WORK TO BE COMPLETED: Of the records that follow, copy only the lines from the line containing "#114=IFCINDEXEDPOLYGONALFACE((1,2,4,3));" to the line containing "#128=IFCINDEXEDPOLYGONALFACE((1,5,6,2));", both included, exactly as written.

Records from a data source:
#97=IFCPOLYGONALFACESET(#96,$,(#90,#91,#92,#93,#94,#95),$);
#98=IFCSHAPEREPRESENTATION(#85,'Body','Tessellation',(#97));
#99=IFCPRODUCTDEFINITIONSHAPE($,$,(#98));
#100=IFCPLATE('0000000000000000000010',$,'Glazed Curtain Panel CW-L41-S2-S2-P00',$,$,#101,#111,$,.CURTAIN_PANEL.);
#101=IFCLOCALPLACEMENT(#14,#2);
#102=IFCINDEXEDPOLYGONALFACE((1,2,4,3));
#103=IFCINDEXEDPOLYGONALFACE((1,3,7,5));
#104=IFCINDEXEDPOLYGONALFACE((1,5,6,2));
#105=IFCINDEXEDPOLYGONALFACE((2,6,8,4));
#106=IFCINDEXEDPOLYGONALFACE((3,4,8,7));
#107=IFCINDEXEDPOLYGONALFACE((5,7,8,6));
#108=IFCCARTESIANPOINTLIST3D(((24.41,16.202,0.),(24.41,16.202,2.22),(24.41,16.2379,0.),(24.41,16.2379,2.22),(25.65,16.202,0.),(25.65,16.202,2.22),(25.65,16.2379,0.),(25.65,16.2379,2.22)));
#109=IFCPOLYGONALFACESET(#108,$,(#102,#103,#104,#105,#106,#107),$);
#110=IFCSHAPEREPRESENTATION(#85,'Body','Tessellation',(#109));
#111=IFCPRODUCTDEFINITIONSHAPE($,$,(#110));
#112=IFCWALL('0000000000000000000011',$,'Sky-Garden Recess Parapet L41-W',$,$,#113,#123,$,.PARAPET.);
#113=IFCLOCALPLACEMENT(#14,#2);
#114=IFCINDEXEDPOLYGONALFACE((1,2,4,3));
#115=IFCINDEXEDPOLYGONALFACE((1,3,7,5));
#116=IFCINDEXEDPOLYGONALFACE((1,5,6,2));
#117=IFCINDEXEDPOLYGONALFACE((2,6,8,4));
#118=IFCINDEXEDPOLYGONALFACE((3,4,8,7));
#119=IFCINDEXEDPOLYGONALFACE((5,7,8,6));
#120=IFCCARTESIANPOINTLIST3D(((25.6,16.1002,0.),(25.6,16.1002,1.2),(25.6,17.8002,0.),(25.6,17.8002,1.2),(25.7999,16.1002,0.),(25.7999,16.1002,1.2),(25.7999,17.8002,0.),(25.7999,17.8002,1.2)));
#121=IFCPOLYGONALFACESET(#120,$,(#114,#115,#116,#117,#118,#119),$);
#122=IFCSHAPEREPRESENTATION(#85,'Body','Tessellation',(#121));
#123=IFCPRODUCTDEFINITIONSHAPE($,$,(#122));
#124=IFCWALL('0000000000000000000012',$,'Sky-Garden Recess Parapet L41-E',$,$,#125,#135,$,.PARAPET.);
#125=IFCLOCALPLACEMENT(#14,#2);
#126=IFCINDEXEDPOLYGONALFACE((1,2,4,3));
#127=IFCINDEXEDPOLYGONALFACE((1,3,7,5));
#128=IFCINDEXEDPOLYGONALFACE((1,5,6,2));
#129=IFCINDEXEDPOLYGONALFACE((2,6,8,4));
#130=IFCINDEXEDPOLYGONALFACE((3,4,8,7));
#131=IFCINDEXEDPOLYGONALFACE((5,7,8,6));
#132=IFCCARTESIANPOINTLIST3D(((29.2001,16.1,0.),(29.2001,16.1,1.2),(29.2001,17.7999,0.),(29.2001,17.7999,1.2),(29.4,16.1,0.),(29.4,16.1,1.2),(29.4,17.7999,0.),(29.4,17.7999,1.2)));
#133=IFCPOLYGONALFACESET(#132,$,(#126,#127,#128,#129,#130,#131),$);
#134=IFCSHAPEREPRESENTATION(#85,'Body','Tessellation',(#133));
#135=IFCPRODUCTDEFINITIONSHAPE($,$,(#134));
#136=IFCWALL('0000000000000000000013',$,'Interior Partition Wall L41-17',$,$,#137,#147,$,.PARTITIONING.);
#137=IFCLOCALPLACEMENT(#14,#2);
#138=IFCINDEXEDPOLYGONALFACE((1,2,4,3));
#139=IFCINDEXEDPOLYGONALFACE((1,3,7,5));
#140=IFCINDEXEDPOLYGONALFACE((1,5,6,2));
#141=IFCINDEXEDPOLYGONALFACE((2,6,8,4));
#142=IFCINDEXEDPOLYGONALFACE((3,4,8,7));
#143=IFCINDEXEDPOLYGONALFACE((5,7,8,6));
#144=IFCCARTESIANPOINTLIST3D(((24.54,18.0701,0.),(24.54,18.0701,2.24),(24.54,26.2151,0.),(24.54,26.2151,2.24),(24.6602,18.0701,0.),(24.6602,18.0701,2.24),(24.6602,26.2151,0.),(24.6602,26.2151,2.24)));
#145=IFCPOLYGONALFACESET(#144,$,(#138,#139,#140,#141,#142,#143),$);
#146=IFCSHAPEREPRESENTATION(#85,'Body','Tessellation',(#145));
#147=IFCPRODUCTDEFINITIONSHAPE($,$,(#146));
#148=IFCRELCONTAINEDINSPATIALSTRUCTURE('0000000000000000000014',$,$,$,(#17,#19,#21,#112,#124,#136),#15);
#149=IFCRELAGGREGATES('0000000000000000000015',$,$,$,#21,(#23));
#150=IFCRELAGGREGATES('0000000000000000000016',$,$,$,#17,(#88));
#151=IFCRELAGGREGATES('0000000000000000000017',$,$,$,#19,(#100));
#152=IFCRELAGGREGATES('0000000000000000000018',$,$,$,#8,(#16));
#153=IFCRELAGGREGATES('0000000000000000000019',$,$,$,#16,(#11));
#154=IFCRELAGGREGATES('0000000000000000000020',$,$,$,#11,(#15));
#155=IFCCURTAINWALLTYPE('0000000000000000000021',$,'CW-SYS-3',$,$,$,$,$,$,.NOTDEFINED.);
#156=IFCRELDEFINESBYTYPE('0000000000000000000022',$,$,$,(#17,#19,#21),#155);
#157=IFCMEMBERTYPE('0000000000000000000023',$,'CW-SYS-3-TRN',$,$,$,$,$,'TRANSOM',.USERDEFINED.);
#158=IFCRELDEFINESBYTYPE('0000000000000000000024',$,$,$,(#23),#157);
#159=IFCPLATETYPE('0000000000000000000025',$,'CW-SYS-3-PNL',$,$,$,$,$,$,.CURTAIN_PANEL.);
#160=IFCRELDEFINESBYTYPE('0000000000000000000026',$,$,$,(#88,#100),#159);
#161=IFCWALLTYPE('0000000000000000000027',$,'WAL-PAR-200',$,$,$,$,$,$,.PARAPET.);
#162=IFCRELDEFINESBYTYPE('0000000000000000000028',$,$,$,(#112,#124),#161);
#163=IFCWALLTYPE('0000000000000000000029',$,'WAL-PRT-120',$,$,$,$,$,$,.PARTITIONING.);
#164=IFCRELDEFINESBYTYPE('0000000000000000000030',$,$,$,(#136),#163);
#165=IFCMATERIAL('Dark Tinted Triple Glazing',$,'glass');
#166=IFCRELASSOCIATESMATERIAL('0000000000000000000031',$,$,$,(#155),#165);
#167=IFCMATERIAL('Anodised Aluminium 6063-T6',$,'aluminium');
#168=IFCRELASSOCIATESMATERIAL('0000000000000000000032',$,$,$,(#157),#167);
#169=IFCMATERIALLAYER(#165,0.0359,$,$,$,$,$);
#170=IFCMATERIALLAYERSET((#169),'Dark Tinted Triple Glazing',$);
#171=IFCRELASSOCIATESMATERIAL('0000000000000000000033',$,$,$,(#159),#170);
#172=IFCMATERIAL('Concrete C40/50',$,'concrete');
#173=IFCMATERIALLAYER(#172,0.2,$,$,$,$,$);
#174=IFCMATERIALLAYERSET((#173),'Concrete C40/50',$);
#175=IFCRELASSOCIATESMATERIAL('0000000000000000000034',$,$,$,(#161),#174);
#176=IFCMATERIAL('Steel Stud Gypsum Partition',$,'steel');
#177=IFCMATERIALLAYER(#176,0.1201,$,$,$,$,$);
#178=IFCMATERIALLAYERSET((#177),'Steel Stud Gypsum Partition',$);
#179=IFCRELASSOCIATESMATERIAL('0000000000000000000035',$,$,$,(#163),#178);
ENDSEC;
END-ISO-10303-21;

REPLY:
#114=IFCINDEXEDPOLYGONALFACE((1,2,4,3));
#115=IFCINDEXEDPOLYGONALFACE((1,3,7,5));
#116=IFCINDEXEDPOLYGONALFACE((1,5,6,2));
#117=IFCINDEXEDPOLYGONALFACE((2,6,8,4));
#118=IFCINDEXEDPOLYGONALFACE((3,4,8,7));
#119=IFCINDEXEDPOLYGONALFACE((5,7,8,6));
#120=IFCCARTESIANPOINTLIST3D(((25.6,16.1002,0.),(25.6,16.1002,1.2),(25.6,17.8002,0.),(25.6,17.8002,1.2),(25.7999,16.1002,0.),(25.7999,16.1002,1.2),(25.7999,17.8002,0.),(25.7999,17.8002,1.2)));
#121=IFCPOLYGONALFACESET(#120,$,(#114,#115,#116,#117,#118,#119),$);
#122=IFCSHAPEREPRESENTATION(#85,'Body','Tessellation',(#121));
#123=IFCPRODUCTDEFINITIONSHAPE($,$,(#122));
#124=IFCWALL('0000000000000000000012',$,'Sky-Garden Recess Parapet L41-E',$,$,#125,#135,$,.PARAPET.);
#125=IFCLOCALPLACEMENT(#14,#2);
#126=IFCINDEXEDPOLYGONALFACE((1,2,4,3));
#127=IFCINDEXEDPOLYGONALFACE((1,3,7,5));
#128=IFCINDEXEDPOLYGONALFACE((1,5,6,2));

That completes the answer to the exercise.